* _AIM OF THE EXERCISE_
Give the number of lines containing "partition" in this listing, with no other words.

+++

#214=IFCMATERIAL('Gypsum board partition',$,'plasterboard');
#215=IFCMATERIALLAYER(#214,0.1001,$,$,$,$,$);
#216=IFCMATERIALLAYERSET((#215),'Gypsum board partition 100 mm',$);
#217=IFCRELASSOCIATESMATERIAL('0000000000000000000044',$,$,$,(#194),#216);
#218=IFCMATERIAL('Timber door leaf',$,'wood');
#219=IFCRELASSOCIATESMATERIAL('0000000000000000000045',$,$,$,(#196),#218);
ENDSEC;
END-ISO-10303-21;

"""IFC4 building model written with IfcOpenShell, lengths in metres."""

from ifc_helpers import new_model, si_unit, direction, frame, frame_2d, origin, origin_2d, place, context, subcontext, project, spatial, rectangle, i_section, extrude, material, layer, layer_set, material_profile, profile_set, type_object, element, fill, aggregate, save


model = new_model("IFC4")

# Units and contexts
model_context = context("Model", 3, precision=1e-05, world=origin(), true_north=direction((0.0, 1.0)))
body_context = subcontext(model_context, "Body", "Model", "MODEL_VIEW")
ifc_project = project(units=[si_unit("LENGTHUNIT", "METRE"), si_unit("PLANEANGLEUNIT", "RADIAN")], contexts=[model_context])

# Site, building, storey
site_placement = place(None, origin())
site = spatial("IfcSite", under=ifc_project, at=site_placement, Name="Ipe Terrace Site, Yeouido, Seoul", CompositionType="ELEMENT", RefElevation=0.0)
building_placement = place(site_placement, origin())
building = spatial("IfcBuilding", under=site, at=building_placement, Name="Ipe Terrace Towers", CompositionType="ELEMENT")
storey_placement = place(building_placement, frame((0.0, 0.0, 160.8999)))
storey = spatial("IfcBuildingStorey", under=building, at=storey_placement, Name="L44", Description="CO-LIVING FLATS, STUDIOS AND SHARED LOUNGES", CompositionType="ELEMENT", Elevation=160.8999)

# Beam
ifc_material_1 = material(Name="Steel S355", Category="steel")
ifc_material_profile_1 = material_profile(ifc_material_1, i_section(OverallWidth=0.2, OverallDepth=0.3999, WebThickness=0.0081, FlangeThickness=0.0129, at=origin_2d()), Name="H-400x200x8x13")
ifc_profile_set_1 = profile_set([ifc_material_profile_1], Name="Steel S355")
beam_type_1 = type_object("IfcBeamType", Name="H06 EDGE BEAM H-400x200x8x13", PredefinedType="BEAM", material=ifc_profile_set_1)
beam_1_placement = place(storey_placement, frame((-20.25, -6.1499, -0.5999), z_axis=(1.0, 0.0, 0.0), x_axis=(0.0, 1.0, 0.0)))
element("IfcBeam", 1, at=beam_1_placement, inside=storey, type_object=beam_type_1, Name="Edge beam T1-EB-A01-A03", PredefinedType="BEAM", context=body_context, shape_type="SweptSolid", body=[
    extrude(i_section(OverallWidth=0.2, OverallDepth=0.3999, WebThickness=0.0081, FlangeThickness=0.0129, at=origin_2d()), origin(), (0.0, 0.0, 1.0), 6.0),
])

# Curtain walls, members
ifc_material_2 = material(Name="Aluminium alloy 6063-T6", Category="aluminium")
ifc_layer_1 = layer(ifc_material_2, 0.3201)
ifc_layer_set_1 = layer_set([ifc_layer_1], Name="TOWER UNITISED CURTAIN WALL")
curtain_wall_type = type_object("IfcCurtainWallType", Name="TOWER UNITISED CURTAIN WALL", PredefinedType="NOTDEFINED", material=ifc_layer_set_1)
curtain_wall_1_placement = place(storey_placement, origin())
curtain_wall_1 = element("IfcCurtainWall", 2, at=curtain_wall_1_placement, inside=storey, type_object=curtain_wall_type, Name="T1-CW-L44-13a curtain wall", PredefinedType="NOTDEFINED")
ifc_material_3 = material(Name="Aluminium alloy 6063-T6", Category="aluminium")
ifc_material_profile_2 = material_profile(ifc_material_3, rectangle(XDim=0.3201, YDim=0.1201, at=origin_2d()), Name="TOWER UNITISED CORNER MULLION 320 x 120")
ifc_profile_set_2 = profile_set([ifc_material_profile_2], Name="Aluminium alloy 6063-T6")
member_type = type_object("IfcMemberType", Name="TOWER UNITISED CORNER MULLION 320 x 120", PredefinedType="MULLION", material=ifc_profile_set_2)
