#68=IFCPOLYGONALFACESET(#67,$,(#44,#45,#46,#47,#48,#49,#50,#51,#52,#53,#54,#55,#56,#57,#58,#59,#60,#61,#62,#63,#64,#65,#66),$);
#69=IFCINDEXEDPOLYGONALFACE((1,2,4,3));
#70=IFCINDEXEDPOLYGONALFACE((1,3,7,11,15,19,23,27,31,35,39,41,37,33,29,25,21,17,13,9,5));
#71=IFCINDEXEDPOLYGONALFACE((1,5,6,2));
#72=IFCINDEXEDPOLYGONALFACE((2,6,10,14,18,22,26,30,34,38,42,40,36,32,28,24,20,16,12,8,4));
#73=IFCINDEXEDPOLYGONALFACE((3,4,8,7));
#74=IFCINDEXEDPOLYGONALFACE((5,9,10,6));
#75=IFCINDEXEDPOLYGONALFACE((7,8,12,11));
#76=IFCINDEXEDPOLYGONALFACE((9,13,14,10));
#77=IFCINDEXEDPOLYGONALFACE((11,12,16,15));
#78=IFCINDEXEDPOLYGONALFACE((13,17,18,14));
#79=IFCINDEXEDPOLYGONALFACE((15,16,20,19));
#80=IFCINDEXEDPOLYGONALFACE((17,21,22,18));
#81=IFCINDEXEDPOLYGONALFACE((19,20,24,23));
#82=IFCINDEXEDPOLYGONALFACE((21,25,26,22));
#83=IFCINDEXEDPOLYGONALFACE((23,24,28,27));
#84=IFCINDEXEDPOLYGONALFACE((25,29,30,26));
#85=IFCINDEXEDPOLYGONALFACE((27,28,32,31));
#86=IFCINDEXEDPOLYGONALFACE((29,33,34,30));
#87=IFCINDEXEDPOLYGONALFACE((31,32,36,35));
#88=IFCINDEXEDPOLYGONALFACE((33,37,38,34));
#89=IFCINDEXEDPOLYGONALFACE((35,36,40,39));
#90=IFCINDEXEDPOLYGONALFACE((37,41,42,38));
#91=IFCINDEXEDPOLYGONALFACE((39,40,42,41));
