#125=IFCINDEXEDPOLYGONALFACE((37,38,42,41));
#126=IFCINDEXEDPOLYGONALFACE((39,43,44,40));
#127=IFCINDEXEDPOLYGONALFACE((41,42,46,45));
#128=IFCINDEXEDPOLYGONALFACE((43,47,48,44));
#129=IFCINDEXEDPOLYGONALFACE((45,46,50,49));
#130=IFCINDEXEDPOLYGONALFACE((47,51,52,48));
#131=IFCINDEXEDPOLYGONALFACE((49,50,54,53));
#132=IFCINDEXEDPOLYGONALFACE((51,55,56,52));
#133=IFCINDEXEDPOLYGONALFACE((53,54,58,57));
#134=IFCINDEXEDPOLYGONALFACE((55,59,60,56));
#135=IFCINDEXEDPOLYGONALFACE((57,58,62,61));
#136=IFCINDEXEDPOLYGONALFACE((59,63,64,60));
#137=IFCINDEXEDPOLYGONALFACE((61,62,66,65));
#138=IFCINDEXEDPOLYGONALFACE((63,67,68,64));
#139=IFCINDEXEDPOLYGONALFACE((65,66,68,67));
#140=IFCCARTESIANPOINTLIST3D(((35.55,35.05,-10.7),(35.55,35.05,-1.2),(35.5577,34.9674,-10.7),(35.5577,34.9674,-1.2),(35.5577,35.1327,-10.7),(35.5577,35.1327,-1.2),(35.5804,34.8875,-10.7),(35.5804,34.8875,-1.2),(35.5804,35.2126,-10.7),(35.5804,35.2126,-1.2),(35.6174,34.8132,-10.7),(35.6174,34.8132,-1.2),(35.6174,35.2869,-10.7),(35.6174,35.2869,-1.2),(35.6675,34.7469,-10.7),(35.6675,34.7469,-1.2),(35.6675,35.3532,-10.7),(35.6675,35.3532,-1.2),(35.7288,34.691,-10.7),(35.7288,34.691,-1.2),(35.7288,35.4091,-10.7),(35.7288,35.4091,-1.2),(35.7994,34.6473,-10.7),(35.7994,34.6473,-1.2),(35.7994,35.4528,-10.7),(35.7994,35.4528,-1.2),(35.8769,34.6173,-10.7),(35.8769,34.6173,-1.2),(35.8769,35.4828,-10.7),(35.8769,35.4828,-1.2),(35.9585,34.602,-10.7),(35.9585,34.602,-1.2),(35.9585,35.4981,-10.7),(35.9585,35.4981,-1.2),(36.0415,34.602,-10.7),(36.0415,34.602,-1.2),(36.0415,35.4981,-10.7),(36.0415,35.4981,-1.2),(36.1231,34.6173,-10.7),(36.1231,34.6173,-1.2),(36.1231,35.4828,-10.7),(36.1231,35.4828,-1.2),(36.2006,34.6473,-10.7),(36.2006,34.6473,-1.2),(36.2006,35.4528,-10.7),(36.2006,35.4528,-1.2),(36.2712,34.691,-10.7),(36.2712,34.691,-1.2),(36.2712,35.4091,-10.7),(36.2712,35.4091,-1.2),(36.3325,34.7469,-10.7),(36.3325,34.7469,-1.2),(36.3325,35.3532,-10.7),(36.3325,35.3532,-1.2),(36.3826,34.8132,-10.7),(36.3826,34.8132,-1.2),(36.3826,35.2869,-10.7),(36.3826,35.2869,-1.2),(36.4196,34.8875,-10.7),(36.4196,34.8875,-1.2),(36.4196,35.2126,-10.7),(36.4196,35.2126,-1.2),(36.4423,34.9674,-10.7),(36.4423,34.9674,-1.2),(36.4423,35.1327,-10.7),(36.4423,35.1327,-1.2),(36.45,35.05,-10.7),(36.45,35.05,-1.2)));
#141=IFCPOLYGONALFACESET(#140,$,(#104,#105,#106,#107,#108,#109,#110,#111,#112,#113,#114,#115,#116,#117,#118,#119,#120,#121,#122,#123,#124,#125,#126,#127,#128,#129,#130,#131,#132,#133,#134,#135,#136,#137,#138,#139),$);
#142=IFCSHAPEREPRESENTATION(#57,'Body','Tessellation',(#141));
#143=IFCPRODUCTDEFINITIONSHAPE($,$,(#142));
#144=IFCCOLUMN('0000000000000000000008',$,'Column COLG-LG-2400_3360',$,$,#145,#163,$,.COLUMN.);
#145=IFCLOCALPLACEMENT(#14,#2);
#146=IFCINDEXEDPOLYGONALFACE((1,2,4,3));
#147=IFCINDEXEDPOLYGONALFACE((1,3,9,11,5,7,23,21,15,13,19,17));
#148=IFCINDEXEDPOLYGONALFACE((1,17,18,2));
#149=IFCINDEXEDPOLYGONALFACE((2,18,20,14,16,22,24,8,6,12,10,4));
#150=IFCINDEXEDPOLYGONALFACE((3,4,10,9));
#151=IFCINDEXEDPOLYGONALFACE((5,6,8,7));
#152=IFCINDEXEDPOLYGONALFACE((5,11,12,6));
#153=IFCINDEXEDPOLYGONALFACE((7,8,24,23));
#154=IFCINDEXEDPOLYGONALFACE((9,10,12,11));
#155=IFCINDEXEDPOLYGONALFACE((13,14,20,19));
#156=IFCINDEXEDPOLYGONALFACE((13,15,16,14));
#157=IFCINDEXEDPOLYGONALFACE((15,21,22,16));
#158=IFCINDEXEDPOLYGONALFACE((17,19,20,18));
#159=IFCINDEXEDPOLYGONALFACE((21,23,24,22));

+++

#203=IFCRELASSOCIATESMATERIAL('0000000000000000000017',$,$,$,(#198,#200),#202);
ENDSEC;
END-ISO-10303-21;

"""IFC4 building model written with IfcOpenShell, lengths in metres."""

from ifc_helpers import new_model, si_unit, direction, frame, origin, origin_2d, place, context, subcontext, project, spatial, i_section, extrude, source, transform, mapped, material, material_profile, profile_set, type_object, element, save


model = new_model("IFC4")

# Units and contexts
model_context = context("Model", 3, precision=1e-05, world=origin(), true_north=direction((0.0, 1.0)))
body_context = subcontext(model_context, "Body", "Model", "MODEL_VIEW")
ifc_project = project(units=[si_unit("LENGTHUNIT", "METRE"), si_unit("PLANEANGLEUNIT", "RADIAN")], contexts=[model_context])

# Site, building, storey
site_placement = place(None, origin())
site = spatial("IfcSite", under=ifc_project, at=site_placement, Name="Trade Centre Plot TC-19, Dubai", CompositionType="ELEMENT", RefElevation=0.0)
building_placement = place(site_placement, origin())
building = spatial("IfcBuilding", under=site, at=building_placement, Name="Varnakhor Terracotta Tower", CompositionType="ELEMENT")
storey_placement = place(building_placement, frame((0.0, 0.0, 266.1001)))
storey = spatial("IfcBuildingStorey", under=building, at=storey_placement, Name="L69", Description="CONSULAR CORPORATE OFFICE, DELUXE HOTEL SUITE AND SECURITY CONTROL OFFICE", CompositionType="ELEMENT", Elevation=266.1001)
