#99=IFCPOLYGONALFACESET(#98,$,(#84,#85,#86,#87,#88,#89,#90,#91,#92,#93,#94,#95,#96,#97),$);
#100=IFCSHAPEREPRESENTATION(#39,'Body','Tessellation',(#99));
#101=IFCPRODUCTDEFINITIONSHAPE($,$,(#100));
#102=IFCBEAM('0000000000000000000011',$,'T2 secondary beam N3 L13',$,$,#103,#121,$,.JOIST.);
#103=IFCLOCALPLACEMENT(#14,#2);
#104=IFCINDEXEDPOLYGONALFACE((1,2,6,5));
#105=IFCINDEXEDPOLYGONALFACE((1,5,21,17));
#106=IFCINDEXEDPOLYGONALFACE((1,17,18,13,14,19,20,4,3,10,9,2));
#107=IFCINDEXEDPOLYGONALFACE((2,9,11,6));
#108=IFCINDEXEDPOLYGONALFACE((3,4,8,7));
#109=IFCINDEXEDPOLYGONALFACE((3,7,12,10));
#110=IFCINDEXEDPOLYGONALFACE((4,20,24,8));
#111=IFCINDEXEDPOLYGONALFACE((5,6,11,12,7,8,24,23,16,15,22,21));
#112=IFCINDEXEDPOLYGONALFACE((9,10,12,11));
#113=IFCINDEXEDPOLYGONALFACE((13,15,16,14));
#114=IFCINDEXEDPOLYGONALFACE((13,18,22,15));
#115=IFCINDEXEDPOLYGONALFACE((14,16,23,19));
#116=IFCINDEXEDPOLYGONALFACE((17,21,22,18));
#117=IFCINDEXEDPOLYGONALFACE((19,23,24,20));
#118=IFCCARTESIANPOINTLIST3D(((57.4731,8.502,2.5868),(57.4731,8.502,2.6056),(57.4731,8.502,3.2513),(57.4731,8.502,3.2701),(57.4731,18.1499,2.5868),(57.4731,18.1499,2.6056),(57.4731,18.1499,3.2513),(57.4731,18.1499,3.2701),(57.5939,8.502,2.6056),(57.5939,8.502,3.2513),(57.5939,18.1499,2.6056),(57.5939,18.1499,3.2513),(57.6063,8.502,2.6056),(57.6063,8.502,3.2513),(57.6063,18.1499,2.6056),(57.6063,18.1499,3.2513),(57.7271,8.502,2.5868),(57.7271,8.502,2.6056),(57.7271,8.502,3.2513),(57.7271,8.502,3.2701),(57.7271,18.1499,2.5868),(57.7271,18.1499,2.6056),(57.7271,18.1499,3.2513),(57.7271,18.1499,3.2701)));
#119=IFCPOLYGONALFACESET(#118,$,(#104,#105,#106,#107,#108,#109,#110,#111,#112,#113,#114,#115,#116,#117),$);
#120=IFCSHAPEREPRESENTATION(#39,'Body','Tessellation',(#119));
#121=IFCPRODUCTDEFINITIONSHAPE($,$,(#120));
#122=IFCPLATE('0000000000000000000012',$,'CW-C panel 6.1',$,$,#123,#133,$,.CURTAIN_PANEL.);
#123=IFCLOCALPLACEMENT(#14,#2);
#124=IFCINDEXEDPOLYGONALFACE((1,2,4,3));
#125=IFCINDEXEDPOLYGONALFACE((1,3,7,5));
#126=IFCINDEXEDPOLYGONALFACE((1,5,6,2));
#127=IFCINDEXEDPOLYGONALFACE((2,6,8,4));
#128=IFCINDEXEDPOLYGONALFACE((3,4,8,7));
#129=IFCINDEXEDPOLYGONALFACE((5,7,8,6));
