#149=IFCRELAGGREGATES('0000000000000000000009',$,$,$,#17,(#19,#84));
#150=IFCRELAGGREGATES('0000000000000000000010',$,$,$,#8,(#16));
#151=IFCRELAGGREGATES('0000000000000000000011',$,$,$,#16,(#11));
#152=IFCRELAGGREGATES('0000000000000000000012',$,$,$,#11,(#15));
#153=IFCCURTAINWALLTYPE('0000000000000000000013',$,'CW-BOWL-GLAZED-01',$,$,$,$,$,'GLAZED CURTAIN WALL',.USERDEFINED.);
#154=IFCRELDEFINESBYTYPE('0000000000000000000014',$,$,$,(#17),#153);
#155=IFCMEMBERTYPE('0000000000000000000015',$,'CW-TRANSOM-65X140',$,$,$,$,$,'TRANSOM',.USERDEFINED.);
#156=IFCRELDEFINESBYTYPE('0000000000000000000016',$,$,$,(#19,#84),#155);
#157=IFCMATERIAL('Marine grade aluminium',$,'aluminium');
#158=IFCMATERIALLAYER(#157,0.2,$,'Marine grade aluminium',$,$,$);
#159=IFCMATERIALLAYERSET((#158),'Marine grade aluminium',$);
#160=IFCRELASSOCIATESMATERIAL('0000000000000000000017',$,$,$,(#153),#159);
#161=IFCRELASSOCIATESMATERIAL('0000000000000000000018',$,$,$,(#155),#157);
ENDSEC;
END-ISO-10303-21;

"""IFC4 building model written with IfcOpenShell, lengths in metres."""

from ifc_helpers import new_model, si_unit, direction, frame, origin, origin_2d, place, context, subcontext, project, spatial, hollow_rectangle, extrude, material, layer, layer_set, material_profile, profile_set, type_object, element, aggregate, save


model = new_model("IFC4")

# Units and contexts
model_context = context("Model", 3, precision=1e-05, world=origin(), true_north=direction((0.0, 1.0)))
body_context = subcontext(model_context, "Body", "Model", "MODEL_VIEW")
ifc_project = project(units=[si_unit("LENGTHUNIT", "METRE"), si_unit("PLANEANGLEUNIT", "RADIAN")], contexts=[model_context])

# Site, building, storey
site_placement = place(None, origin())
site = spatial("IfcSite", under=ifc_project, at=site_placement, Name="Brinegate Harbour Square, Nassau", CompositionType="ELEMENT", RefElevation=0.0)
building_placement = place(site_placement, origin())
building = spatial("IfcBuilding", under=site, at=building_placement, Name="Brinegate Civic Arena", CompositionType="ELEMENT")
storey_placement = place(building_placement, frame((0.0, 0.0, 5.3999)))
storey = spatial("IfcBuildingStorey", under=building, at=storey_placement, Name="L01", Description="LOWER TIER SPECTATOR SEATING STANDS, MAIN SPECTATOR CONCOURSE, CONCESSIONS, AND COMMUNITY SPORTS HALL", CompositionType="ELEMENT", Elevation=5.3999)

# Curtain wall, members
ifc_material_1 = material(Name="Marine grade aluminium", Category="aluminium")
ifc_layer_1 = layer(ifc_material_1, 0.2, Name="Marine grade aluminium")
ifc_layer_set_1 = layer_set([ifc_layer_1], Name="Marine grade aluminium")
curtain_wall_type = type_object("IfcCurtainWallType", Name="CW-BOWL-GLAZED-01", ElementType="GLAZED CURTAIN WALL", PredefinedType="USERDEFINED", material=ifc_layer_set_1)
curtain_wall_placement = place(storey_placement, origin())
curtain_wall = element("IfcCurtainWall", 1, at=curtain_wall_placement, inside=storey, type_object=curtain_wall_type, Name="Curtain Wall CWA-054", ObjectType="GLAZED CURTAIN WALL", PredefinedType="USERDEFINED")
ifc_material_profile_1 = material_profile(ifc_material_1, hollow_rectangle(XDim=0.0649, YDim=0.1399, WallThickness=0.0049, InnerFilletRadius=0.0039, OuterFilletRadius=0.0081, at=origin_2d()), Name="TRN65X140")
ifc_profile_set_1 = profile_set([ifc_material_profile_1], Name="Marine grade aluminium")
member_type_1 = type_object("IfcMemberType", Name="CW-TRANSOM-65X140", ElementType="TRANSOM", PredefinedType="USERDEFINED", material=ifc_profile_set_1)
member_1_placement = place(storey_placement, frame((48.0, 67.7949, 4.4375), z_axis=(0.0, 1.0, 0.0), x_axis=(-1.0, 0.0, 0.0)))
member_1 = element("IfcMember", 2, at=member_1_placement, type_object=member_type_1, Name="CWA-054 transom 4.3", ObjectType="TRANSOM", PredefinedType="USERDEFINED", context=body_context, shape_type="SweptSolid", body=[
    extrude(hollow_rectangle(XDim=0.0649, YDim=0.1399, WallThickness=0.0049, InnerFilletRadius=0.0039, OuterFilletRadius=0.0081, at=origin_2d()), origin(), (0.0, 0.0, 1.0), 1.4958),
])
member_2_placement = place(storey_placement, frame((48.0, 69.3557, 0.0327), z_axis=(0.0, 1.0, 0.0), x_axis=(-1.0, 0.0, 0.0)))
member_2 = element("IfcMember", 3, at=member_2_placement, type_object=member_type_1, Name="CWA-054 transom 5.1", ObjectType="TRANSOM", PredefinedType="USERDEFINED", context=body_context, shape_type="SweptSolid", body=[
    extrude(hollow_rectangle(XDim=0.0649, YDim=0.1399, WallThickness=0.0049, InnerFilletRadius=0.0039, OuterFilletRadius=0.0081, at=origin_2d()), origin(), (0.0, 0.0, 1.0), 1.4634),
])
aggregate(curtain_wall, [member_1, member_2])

+++

* _SOLUTION BELOW_
2